Stored items:
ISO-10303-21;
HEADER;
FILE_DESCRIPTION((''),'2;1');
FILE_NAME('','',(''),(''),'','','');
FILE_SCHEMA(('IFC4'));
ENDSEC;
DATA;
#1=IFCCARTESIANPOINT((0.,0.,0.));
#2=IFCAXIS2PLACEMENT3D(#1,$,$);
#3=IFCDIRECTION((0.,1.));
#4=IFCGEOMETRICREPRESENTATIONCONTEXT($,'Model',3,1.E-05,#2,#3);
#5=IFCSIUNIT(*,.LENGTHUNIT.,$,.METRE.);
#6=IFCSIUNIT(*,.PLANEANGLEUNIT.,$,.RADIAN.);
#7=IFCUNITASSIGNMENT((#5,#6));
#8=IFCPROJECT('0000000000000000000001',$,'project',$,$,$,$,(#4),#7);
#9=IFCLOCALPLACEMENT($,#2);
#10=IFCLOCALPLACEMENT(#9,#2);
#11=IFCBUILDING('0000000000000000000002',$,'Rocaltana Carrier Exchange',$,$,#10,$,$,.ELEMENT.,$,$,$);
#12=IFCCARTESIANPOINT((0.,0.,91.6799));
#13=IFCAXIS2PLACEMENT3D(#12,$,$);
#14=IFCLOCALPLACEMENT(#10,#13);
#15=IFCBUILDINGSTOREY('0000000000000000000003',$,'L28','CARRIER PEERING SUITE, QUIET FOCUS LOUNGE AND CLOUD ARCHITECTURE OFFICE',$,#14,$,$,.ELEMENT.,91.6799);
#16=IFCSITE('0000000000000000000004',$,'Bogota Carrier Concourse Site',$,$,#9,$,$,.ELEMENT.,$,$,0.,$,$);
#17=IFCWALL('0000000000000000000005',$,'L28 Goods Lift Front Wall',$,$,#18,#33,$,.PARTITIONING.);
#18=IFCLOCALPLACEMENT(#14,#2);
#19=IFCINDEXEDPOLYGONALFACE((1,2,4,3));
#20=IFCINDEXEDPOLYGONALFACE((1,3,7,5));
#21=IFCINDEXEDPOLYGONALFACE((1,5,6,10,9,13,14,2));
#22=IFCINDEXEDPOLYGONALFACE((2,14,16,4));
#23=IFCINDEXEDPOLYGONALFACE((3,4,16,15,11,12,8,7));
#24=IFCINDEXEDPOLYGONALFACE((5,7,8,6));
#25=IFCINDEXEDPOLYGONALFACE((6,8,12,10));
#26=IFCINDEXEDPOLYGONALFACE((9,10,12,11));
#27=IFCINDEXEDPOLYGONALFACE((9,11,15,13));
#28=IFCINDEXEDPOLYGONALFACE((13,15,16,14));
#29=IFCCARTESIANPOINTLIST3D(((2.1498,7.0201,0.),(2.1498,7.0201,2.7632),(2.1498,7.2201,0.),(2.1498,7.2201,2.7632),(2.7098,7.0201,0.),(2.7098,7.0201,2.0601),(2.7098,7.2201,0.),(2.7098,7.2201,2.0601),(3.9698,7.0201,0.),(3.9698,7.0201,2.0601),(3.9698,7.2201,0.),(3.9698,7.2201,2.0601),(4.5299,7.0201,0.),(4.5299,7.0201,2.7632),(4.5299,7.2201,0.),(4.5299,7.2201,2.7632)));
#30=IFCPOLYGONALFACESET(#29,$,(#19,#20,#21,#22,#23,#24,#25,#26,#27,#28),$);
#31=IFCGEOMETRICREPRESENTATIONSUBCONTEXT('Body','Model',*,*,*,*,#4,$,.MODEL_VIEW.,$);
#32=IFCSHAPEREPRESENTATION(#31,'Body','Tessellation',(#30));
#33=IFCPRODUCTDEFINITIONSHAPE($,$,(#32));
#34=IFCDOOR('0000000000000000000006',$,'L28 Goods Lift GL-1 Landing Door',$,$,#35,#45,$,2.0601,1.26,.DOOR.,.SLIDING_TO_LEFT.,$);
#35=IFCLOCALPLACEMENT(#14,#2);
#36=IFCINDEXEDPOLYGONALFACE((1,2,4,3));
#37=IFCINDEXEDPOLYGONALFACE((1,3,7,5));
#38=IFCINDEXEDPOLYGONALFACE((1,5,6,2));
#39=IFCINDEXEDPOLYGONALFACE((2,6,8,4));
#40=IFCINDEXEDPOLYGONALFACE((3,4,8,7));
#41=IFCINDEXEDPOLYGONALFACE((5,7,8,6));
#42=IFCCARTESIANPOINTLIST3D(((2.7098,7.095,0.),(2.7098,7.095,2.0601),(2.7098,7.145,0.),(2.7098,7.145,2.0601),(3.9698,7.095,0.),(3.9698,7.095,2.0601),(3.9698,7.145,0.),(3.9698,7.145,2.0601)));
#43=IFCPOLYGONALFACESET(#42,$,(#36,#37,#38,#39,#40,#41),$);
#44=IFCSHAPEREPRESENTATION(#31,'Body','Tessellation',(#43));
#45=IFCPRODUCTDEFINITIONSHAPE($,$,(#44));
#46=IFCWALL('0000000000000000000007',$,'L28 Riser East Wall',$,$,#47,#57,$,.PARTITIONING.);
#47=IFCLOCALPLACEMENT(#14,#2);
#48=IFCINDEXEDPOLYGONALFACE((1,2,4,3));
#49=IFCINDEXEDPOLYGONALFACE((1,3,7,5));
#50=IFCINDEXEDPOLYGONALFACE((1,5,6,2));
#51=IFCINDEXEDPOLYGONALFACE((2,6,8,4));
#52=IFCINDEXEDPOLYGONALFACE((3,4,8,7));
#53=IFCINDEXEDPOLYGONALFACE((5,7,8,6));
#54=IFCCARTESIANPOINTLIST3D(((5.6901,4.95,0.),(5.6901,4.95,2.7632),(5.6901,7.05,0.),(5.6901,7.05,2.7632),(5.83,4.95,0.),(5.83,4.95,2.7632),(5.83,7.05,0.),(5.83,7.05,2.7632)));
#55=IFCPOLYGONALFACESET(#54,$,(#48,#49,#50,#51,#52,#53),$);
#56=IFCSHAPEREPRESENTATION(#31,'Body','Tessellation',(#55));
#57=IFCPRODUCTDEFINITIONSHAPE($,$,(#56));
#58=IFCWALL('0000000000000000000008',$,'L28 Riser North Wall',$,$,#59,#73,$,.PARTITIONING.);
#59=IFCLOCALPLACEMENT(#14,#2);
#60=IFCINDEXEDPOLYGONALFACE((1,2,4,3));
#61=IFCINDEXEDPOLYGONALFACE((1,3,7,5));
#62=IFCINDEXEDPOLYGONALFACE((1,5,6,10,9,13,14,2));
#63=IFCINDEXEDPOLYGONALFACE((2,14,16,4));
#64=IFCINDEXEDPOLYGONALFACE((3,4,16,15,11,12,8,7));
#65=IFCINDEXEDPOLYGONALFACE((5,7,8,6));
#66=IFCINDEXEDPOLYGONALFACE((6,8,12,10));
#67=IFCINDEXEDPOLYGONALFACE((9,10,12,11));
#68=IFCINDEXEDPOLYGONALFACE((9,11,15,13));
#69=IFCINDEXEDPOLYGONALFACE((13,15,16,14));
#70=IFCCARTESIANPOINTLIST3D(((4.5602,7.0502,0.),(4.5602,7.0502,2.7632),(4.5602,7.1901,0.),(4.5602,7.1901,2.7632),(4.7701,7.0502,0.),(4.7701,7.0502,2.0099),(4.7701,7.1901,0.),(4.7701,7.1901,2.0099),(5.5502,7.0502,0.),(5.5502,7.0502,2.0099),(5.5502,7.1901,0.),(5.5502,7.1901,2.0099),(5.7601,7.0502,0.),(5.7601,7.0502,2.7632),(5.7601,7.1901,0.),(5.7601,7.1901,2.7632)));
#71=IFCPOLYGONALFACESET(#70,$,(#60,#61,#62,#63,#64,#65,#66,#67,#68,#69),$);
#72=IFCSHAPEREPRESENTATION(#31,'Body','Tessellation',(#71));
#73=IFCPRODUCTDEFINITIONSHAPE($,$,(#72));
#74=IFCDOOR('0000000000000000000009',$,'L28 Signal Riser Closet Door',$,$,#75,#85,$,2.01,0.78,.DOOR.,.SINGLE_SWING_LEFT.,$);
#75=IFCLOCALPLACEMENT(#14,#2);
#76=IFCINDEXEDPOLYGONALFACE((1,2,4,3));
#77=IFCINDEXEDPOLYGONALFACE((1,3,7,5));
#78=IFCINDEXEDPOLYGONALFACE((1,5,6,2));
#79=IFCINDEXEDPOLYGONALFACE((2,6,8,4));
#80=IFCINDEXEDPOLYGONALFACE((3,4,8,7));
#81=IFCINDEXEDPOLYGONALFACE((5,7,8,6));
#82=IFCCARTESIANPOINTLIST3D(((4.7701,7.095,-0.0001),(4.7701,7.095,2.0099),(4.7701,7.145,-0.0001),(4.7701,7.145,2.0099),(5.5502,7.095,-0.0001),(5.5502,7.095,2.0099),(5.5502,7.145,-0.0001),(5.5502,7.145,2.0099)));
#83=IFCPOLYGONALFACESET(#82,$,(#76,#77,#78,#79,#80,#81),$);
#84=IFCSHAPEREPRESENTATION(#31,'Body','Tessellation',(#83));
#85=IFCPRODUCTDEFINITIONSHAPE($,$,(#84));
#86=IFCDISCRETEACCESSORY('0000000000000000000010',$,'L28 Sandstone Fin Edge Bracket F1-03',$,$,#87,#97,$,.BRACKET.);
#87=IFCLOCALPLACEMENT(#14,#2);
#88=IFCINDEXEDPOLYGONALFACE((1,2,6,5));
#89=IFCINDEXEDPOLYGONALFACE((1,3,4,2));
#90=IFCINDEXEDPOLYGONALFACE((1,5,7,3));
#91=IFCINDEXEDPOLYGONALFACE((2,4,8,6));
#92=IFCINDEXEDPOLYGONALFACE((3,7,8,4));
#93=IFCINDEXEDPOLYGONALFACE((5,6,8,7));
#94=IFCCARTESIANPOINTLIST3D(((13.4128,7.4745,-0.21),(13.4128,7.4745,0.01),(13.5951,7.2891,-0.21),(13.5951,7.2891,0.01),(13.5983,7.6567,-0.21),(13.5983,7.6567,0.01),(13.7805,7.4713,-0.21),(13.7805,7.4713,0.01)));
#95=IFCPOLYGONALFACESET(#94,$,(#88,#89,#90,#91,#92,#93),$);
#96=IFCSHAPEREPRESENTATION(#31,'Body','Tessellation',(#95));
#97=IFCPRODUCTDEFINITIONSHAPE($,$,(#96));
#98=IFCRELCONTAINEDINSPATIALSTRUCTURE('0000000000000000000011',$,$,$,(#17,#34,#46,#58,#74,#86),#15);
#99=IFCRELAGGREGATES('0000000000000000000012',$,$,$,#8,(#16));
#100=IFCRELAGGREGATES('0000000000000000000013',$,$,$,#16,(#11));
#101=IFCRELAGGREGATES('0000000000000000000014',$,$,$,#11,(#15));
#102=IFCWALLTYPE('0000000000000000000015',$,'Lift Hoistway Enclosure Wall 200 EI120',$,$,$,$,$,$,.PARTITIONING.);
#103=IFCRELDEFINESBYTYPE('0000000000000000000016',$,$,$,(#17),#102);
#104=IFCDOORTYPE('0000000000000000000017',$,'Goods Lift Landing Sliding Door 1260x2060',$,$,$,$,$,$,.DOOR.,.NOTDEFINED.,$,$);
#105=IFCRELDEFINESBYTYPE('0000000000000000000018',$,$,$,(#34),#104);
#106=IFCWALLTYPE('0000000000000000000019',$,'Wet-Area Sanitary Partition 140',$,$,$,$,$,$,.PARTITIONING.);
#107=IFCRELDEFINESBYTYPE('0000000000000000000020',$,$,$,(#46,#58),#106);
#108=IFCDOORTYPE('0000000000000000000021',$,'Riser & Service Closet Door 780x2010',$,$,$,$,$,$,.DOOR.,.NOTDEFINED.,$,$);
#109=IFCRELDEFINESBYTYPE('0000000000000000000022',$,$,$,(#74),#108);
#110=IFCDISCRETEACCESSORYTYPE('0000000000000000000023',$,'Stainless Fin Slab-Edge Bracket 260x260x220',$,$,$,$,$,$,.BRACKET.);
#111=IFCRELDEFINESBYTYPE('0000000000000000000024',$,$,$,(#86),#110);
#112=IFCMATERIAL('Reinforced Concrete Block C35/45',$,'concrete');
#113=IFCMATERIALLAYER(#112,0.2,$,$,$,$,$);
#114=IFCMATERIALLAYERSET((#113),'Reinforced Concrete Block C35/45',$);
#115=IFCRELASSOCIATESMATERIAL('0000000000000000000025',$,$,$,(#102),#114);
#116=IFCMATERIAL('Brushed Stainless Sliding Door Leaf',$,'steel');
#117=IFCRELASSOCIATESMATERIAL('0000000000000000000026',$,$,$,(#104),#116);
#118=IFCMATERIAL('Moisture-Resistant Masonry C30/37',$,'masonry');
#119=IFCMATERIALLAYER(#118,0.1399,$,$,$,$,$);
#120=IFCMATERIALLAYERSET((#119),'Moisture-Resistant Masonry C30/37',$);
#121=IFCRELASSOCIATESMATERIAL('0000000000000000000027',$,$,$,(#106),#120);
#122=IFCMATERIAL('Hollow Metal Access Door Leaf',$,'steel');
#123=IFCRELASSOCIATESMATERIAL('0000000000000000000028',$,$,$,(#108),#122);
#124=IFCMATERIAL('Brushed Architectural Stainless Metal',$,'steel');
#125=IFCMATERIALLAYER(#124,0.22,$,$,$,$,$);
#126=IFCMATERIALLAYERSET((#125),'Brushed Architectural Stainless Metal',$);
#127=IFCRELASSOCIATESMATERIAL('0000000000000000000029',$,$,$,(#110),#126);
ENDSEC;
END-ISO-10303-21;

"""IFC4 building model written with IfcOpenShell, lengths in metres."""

from ifc_helpers import new_model, si_unit, direction, frame, frame_2d, origin, origin_2d, place, context, subcontext, project, spatial, rectangle, extrude, material, layer, layer_set, type_object, element, fill, save


model = new_model("IFC4")

# Units and contexts
model_context = context("Model", 3, precision=1e-05, world=origin(), true_north=direction((0.0, 1.0)))
body_context = subcontext(model_context, "Body", "Model", "MODEL_VIEW")
ifc_project = project(units=[si_unit("LENGTHUNIT", "METRE"), si_unit("PLANEANGLEUNIT", "RADIAN")], contexts=[model_context])

# Site, building, storey
site_placement = place(None, origin())
site = spatial("IfcSite", under=ifc_project, at=site_placement, Name="Bogota Carrier Concourse Site", CompositionType="ELEMENT", RefElevation=0.0)
building_placement = place(site_placement, origin())
building = spatial("IfcBuilding", under=site, at=building_placement, Name="Rocaltana Carrier Exchange", CompositionType="ELEMENT")
storey_placement = place(building_placement, frame((0.0, 0.0, 91.6799)))
storey = spatial("IfcBuildingStorey", under=building, at=storey_placement, Name="L28", Description="CARRIER PEERING SUITE, QUIET FOCUS LOUNGE AND CLOUD ARCHITECTURE OFFICE", CompositionType="ELEMENT", Elevation=91.6799)

# Shared definitions
ifc_material_1 = material(Name="Reinforced Concrete Block C35/45", Category="concrete")
ifc_layer_1 = layer(ifc_material_1, 0.2)
ifc_layer_set_1 = layer_set([ifc_layer_1], Name="Reinforced Concrete Block C35/45")
wall_type_1 = type_object("IfcWallType", Name="Lift Hoistway Enclosure Wall 200 EI120", PredefinedType="PARTITIONING", material=ifc_layer_set_1)

# Wall, opening, door
wall_1_placement = place(storey_placement, frame((2.1499, 7.1201, 0.0), z_axis=(0.0, 0.0, 1.0), x_axis=(1.0, 0.0, 0.0)))
wall_1 = element("IfcWall", 1, at=wall_1_placement, inside=storey, type_object=wall_type_1, Name="L28 Goods Lift Front Wall", PredefinedType="PARTITIONING", context=body_context, shape_type="SweptSolid", body=[
    extrude(rectangle(XDim=2.3801, YDim=0.2, at=frame_2d((1.1899, 0.0))), origin(), (0.0, 0.0, 1.0), 2.7632),
])
opening_1_placement = place(wall_1_placement, frame((0.5601, 0.0, 0.0)))
opening_1 = element("IfcOpeningElement", 2, at=opening_1_placement, cuts=wall_1, PredefinedType="OPENING", context=body_context, shape_type="SweptSolid", body=[
    extrude(rectangle(XDim=1.26, YDim=2.0601, at=frame_2d((0.6299, 1.03))), frame((0.0, 0.1099, 0.0), z_axis=(0.0, -1.0, 0.0), x_axis=(1.0, 0.0, 0.0)), (0.0, 0.0, 1.0), 0.22),
])
ifc_material_2 = material(Name="Brushed Stainless Sliding Door Leaf", Category="steel")
door_type_1 = type_object("IfcDoorType", Name="Goods Lift Landing Sliding Door 1260x2060", OperationType="NOTDEFINED", PredefinedType="DOOR", material=ifc_material_2)
door_1_placement = place(opening_1_placement, origin())
door_1 = element("IfcDoor", 3, at=door_1_placement, inside=storey, type_object=door_type_1, Name="L28 Goods Lift GL-1 Landing Door", OperationType="SLIDING_TO_LEFT", OverallHeight=2.0601, OverallWidth=1.26, PredefinedType="DOOR", context=body_context, shape_type="SweptSolid", body=[
    extrude(rectangle(XDim=1.26, YDim=2.0601, at=frame_2d((0.6299, 1.03))), frame((0.0, 0.0249, 0.0), z_axis=(0.0, -1.0, 0.0), x_axis=(1.0, 0.0, 0.0)), (0.0, 0.0, 1.0), 0.05),
])
fill(opening_1, door_1)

(What you are asked to do) From the data above, output only the lines between the line containing "#48=IFCINDEXEDPOLYGONALFACE((1,2,4,3));" and the line containing "#81=IFCINDEXEDPOLYGONALFACE((5,7,8,6));", inclusive, exactly as written.

(Response area)
#48=IFCINDEXEDPOLYGONALFACE((1,2,4,3));
#49=IFCINDEXEDPOLYGONALFACE((1,3,7,5));
#50=IFCINDEXEDPOLYGONALFACE((1,5,6,2));
#51=IFCINDEXEDPOLYGONALFACE((2,6,8,4));
#52=IFCINDEXEDPOLYGONALFACE((3,4,8,7));
#53=IFCINDEXEDPOLYGONALFACE((5,7,8,6));
#54=IFCCARTESIANPOINTLIST3D(((5.6901,4.95,0.),(5.6901,4.95,2.7632),(5.6901,7.05,0.),(5.6901,7.05,2.7632),(5.83,4.95,0.),(5.83,4.95,2.7632),(5.83,7.05,0.),(5.83,7.05,2.7632)));
#55=IFCPOLYGONALFACESET(#54,$,(#48,#49,#50,#51,#52,#53),$);
#56=IFCSHAPEREPRESENTATION(#31,'Body','Tessellation',(#55));
#57=IFCPRODUCTDEFINITIONSHAPE($,$,(#56));
#58=IFCWALL('0000000000000000000008',$,'L28 Riser North Wall',$,$,#59,#73,$,.PARTITIONING.);
#59=IFCLOCALPLACEMENT(#14,#2);
#60=IFCINDEXEDPOLYGONALFACE((1,2,4,3));
#61=IFCINDEXEDPOLYGONALFACE((1,3,7,5));
#62=IFCINDEXEDPOLYGONALFACE((1,5,6,10,9,13,14,2));
#63=IFCINDEXEDPOLYGONALFACE((2,14,16,4));
#64=IFCINDEXEDPOLYGONALFACE((3,4,16,15,11,12,8,7));
#65=IFCINDEXEDPOLYGONALFACE((5,7,8,6));
#66=IFCINDEXEDPOLYGONALFACE((6,8,12,10));
#67=IFCINDEXEDPOLYGONALFACE((9,10,12,11));
#68=IFCINDEXEDPOLYGONALFACE((9,11,15,13));
#69=IFCINDEXEDPOLYGONALFACE((13,15,16,14));
#70=IFCCARTESIANPOINTLIST3D(((4.5602,7.0502,0.),(4.5602,7.0502,2.7632),(4.5602,7.1901,0.),(4.5602,7.1901,2.7632),(4.7701,7.0502,0.),(4.7701,7.0502,2.0099),(4.7701,7.1901,0.),(4.7701,7.1901,2.0099),(5.5502,7.0502,0.),(5.5502,7.0502,2.0099),(5.5502,7.1901,0.),(5.5502,7.1901,2.0099),(5.7601,7.0502,0.),(5.7601,7.0502,2.7632),(5.7601,7.1901,0.),(5.7601,7.1901,2.7632)));
#71=IFCPOLYGONALFACESET(#70,$,(#60,#61,#62,#63,#64,#65,#66,#67,#68,#69),$);
#72=IFCSHAPEREPRESENTATION(#31,'Body','Tessellation',(#71));
#73=IFCPRODUCTDEFINITIONSHAPE($,$,(#72));
#74=IFCDOOR('0000000000000000000009',$,'L28 Signal Riser Closet Door',$,$,#75,#85,$,2.01,0.78,.DOOR.,.SINGLE_SWING_LEFT.,$);
#75=IFCLOCALPLACEMENT(#14,#2);
#76=IFCINDEXEDPOLYGONALFACE((1,2,4,3));
#77=IFCINDEXEDPOLYGONALFACE((1,3,7,5));
#78=IFCINDEXEDPOLYGONALFACE((1,5,6,2));
#79=IFCINDEXEDPOLYGONALFACE((2,6,8,4));
#80=IFCINDEXEDPOLYGONALFACE((3,4,8,7));
#81=IFCINDEXEDPOLYGONALFACE((5,7,8,6));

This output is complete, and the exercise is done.